THE PROBLEM:
Please take the records that follow and repeat exactly the lines starting with the line with "#81=IFCMATERIAL('Concrete C40/50',$,'concrete');" and going on through the line with "END-ISO-10303-21;".

[[ DATA RECORDS, beginning ]]

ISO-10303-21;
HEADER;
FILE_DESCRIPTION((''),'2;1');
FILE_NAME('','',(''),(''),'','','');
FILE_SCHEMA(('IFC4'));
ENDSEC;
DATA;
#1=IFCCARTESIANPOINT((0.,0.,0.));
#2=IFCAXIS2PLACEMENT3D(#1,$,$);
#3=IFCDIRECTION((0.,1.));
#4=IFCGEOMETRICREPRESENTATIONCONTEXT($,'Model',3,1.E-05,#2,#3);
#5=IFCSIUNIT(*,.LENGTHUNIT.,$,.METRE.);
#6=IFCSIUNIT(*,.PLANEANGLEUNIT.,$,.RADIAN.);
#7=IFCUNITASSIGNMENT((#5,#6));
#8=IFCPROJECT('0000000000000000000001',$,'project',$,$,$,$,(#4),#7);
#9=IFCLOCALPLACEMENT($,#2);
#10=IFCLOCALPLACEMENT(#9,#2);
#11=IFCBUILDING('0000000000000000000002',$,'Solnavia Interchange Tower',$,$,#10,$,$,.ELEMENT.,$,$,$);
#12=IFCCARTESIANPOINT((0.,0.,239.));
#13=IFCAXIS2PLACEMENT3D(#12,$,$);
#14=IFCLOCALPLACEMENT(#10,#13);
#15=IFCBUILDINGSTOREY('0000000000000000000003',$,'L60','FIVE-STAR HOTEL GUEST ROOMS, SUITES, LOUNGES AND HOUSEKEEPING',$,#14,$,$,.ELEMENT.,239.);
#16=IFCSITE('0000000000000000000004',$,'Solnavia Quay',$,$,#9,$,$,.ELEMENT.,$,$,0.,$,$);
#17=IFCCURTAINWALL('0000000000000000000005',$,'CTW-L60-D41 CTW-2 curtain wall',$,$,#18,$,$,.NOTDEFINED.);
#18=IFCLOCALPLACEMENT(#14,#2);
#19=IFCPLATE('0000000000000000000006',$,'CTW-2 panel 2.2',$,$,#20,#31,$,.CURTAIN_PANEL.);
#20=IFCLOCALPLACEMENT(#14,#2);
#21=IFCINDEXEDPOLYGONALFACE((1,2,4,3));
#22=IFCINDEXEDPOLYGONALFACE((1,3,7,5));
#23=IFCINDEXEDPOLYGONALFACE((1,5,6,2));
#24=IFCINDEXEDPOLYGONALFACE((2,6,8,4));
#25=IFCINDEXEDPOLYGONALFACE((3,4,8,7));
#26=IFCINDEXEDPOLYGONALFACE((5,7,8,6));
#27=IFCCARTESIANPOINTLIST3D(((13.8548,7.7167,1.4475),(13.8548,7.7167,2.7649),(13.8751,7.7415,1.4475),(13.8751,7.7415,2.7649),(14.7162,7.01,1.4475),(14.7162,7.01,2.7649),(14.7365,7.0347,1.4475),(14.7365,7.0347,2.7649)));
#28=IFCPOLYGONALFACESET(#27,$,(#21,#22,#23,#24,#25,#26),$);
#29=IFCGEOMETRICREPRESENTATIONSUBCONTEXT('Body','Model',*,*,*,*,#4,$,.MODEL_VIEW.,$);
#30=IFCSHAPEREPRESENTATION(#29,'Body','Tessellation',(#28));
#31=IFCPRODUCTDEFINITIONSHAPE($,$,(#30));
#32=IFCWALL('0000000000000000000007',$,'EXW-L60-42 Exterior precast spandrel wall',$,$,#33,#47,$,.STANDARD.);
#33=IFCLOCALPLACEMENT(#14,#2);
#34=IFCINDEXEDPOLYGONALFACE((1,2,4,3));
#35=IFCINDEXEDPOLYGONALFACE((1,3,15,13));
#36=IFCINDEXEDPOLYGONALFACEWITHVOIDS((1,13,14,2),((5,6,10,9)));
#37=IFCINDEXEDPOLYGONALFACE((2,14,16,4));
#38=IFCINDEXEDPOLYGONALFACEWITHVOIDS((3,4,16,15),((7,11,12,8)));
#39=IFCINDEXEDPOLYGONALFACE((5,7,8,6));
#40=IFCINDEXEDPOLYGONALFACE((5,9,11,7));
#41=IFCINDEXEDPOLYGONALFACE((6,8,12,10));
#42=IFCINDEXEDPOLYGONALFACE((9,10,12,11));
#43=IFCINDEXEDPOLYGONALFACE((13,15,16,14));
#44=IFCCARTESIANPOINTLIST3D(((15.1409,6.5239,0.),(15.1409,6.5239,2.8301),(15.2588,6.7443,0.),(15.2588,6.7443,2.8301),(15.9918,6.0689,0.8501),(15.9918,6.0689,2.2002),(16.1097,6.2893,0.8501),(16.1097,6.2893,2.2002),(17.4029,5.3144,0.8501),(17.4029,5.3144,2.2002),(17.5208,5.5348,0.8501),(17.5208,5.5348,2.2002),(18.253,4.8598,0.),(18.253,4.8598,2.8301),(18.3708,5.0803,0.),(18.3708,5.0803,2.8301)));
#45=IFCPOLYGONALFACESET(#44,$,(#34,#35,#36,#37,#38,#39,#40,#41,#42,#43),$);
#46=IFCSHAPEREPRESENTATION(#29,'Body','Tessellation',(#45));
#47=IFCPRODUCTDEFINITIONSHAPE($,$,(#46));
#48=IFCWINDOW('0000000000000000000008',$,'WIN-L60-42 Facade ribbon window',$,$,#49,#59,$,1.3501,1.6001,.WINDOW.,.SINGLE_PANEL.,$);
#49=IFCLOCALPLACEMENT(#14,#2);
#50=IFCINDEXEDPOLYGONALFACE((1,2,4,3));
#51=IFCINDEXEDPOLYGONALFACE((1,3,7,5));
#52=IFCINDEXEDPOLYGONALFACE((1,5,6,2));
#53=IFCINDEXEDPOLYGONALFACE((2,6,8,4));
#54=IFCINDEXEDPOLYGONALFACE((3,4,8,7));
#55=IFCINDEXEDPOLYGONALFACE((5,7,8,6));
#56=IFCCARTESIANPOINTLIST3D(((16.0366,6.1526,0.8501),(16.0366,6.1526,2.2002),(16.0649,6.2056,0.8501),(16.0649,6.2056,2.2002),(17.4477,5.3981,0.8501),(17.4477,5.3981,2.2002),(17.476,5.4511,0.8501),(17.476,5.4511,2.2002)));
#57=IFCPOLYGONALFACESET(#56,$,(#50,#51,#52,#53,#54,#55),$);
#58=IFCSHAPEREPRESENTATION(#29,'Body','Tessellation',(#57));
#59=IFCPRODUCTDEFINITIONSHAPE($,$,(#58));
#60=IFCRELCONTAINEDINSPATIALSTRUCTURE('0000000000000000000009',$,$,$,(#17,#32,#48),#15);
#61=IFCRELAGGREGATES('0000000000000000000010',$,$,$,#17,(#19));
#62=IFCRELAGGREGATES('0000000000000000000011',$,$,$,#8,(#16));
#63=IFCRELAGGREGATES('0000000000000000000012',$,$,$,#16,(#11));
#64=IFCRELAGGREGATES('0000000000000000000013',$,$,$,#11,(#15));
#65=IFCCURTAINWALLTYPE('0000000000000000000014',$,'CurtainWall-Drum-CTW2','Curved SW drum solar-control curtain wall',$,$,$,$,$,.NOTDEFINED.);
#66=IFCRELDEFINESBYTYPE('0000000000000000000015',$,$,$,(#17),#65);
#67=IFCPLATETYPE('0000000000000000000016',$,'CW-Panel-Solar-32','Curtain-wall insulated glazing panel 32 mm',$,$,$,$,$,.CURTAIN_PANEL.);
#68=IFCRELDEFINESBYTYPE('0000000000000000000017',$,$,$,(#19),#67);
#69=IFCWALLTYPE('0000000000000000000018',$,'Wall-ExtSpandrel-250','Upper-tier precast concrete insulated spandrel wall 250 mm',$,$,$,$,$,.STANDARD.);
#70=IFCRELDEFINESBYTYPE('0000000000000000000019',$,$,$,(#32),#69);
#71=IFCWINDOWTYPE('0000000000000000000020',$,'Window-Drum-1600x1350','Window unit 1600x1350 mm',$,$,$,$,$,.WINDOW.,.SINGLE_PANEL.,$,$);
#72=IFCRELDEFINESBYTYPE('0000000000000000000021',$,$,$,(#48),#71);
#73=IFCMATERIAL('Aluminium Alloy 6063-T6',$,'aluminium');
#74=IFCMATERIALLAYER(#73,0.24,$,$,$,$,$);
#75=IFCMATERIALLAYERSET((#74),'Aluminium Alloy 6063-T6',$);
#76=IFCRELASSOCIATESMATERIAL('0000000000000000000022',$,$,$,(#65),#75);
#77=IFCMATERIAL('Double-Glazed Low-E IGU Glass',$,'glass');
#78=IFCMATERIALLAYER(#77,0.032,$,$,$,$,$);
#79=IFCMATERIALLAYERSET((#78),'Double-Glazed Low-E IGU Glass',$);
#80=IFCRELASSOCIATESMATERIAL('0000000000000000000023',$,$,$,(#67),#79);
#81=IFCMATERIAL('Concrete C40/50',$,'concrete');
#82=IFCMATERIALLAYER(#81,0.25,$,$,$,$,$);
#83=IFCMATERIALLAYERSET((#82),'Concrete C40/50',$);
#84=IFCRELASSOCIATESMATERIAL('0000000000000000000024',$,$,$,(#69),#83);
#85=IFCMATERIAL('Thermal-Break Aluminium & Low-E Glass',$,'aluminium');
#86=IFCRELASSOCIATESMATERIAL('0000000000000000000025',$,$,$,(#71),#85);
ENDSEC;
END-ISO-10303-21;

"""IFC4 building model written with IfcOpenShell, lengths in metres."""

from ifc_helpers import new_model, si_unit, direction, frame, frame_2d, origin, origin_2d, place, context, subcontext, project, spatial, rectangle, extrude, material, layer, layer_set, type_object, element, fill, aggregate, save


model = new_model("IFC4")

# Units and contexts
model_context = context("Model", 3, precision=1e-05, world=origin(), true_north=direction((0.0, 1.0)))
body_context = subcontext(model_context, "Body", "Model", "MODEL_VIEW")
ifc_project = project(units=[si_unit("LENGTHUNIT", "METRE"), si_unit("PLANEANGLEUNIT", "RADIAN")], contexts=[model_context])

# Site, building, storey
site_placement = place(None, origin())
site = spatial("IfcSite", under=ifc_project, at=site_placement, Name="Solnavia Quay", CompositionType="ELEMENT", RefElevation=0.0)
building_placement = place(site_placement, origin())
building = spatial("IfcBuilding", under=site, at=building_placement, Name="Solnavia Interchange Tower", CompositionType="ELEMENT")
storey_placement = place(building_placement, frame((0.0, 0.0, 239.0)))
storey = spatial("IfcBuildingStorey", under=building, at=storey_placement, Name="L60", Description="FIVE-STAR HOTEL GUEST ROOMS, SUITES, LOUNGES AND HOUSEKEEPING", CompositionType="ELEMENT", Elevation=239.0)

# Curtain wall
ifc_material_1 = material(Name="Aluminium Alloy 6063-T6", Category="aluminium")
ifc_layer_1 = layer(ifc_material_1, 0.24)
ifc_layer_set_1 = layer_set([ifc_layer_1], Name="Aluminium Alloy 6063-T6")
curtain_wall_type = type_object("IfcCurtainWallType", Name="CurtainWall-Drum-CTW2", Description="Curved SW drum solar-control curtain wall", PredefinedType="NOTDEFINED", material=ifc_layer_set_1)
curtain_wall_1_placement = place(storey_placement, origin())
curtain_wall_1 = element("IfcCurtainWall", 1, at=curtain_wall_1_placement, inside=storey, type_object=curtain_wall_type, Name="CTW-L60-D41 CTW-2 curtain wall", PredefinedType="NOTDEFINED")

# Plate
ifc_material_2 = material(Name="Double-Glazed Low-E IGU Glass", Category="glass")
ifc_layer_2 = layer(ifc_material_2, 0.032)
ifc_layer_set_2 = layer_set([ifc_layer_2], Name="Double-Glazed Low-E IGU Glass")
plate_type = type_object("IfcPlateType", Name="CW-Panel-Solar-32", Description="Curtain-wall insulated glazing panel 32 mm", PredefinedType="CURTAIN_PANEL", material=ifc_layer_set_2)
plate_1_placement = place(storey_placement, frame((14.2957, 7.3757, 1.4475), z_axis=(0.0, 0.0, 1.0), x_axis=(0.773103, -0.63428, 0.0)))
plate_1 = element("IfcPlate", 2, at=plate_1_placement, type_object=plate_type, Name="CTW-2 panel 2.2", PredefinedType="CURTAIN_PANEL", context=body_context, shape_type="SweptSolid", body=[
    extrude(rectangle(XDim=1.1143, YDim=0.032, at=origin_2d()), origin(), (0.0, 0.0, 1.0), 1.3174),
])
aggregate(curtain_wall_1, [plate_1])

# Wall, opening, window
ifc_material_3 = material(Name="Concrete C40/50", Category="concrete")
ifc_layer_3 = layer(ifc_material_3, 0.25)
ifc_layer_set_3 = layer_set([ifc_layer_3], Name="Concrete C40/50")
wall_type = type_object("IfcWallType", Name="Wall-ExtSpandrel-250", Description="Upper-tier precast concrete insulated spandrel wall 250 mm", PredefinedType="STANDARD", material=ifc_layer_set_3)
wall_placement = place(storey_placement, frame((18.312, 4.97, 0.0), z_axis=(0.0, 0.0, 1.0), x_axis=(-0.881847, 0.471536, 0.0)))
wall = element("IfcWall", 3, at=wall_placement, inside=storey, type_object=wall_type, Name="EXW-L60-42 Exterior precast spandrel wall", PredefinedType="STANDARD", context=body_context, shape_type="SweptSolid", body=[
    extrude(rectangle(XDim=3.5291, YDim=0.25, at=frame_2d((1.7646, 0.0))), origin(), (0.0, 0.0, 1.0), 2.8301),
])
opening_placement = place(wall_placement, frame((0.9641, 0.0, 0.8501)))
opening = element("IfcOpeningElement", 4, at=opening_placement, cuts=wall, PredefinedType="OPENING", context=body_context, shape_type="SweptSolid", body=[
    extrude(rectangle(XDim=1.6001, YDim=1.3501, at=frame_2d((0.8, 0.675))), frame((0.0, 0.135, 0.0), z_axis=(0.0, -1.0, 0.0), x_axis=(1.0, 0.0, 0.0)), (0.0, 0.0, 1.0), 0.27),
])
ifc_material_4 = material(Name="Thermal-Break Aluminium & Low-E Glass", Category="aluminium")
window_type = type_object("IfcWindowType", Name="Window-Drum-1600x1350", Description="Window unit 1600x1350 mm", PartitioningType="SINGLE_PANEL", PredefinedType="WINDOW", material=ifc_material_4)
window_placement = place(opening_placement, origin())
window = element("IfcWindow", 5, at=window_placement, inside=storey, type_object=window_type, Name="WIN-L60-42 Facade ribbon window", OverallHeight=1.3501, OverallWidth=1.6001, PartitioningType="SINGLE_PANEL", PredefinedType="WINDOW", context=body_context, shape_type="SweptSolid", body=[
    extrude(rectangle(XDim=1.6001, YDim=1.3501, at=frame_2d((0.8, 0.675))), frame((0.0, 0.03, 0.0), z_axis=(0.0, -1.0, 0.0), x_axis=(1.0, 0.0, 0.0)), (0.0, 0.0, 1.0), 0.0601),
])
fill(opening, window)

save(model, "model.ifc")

[[ DATA RECORDS, end ]]

RESULT FOR THIS TASK:
#81=IFCMATERIAL('Concrete C40/50',$,'concrete');
#82=IFCMATERIALLAYER(#81,0.25,$,$,$,$,$);
#83=IFCMATERIALLAYERSET((#82),'Concrete C40/50',$);
#84=IFCRELASSOCIATESMATERIAL('0000000000000000000024',$,$,$,(#69),#83);
#85=IFCMATERIAL('Thermal-Break Aluminium & Low-E Glass',$,'aluminium');
#86=IFCRELASSOCIATESMATERIAL('0000000000000000000025',$,$,$,(#71),#85);
ENDSEC;
END-ISO-10303-21;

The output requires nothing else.